DESCRIPTION OF THE TASK ▸
A single number is required: how many lines below include the string "CompositionType".
DATA SUPPLIED section start
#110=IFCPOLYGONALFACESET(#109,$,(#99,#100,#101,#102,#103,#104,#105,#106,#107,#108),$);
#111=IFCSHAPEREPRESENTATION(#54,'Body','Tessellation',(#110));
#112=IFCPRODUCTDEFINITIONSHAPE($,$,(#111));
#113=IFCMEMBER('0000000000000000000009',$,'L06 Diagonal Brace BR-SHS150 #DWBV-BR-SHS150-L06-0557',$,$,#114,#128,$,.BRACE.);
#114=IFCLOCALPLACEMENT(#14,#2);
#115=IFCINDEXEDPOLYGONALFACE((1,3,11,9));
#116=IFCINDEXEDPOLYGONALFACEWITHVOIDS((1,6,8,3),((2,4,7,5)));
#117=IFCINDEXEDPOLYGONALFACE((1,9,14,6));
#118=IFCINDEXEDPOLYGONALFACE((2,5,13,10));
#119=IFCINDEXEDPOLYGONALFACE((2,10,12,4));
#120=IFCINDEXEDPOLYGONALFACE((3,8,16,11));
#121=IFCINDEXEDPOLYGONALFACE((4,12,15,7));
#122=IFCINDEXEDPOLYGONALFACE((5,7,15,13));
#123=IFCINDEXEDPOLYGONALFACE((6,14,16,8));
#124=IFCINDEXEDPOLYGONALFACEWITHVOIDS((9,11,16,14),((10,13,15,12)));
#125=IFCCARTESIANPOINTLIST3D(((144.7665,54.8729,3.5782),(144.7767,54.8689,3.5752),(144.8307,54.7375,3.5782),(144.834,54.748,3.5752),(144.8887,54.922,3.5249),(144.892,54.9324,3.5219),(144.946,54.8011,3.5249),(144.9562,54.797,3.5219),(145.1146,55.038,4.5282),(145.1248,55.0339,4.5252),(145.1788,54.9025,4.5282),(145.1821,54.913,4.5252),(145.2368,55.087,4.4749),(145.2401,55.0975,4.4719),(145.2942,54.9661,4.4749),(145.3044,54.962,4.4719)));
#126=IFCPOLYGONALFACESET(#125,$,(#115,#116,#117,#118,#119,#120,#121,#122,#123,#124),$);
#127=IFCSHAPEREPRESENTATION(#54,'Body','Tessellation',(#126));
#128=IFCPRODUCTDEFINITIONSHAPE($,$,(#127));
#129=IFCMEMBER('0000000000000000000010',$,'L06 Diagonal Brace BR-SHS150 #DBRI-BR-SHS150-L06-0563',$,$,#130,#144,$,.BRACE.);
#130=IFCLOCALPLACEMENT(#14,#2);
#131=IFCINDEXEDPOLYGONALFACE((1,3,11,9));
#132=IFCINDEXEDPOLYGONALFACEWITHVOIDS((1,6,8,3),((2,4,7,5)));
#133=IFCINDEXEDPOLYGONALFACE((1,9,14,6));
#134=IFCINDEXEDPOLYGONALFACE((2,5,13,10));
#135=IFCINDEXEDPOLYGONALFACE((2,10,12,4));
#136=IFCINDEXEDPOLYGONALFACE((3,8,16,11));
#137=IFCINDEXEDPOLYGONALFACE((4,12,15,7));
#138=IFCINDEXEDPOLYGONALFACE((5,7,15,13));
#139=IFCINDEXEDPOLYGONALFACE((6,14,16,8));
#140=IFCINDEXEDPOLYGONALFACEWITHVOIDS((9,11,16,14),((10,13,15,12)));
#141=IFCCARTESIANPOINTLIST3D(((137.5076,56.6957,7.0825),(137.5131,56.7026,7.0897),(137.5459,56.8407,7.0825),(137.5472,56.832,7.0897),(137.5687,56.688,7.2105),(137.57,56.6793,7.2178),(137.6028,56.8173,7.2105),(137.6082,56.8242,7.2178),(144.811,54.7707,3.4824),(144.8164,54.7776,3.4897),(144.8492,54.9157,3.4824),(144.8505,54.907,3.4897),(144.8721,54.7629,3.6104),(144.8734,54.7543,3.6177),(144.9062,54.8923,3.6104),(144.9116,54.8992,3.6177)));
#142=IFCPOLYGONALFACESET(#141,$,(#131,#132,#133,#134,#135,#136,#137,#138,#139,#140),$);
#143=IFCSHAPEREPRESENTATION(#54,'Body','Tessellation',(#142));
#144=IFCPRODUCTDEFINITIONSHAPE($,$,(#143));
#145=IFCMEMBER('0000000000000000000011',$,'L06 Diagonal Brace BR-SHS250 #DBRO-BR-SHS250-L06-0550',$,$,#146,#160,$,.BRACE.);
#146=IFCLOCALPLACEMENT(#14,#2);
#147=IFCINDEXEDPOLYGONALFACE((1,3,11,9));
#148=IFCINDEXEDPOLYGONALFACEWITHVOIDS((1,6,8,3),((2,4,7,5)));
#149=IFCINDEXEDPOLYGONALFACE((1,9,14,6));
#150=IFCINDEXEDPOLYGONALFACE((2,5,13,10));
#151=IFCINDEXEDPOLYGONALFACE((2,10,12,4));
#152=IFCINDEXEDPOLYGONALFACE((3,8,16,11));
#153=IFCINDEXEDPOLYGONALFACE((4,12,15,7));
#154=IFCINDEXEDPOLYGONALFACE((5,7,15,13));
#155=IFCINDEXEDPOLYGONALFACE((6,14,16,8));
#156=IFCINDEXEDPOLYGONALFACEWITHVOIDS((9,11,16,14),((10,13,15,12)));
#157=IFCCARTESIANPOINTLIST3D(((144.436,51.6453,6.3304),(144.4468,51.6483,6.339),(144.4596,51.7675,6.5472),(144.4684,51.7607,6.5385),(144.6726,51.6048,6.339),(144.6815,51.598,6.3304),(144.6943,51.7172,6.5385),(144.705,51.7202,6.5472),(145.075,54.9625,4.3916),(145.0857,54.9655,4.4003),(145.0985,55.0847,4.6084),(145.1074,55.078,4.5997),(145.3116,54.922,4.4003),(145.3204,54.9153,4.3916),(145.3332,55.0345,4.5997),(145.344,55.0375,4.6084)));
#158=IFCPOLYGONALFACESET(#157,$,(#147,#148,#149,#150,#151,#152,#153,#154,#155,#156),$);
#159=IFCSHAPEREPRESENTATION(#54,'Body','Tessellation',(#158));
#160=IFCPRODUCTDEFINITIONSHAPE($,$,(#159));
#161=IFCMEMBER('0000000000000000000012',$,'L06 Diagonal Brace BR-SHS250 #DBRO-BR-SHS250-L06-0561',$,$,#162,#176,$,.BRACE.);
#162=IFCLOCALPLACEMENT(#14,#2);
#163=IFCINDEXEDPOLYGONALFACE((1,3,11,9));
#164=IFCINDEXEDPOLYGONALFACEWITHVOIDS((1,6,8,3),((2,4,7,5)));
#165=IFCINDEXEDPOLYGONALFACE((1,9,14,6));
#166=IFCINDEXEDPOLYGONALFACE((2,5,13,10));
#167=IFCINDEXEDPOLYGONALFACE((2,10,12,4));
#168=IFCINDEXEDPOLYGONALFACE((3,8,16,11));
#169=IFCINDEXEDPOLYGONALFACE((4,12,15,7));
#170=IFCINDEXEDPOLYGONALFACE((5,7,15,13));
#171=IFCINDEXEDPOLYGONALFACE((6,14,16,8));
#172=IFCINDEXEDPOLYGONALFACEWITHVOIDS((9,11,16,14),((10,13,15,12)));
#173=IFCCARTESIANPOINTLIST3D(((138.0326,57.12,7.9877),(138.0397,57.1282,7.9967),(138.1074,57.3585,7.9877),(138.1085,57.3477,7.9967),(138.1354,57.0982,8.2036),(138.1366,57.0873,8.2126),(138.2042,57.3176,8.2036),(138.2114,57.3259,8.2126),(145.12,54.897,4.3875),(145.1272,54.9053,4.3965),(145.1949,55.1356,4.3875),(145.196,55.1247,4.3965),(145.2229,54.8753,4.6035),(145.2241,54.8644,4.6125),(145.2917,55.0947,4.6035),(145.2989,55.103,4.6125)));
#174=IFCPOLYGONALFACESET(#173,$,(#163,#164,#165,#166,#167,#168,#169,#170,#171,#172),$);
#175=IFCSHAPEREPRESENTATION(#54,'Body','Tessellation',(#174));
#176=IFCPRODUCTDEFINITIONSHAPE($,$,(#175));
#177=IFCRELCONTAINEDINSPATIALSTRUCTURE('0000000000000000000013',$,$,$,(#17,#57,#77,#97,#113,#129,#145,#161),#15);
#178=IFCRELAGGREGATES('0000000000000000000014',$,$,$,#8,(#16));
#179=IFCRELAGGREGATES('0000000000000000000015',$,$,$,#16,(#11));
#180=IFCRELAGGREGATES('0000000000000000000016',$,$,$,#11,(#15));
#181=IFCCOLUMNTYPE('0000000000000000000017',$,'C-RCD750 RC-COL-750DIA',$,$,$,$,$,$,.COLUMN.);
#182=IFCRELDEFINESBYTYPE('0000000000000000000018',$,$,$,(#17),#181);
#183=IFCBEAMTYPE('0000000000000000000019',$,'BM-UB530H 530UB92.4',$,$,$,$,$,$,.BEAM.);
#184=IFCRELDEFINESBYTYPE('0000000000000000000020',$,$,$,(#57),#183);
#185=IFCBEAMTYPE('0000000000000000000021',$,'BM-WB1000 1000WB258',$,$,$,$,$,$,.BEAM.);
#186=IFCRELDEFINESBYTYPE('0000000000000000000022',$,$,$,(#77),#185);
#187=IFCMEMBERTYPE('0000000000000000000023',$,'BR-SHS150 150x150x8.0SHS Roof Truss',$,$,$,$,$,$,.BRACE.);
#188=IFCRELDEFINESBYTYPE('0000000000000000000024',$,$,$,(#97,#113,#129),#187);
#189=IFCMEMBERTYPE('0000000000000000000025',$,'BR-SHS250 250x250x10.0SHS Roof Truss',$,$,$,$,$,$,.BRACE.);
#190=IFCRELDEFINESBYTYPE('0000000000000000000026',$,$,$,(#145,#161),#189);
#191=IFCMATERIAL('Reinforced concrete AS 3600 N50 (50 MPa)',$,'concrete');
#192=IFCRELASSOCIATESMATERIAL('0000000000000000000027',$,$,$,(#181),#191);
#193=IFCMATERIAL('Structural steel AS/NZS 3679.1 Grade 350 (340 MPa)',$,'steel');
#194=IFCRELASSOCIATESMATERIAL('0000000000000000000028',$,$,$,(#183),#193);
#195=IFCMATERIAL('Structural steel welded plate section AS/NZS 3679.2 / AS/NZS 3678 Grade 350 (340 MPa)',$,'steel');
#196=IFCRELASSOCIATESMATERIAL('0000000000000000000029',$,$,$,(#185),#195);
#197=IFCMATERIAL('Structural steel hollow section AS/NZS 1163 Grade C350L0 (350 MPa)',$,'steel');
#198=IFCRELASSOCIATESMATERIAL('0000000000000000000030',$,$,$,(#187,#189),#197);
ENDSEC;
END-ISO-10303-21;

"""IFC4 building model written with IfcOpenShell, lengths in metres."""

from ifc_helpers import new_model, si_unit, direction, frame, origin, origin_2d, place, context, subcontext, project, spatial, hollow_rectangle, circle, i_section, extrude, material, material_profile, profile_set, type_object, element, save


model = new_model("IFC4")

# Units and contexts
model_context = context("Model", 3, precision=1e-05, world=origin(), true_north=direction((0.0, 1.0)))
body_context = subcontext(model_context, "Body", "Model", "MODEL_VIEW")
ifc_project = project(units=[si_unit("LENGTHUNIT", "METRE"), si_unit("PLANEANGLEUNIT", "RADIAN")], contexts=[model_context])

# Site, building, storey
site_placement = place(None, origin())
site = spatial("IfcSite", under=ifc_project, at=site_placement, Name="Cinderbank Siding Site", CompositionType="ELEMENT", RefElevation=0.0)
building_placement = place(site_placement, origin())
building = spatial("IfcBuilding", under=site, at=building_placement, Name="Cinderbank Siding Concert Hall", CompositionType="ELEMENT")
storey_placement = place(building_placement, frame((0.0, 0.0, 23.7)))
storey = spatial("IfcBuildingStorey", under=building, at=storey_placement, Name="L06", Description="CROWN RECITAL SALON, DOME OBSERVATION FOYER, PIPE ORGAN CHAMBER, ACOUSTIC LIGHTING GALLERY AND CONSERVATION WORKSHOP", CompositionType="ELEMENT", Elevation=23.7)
DATA SUPPLIED section end
SOLUTION ▸
3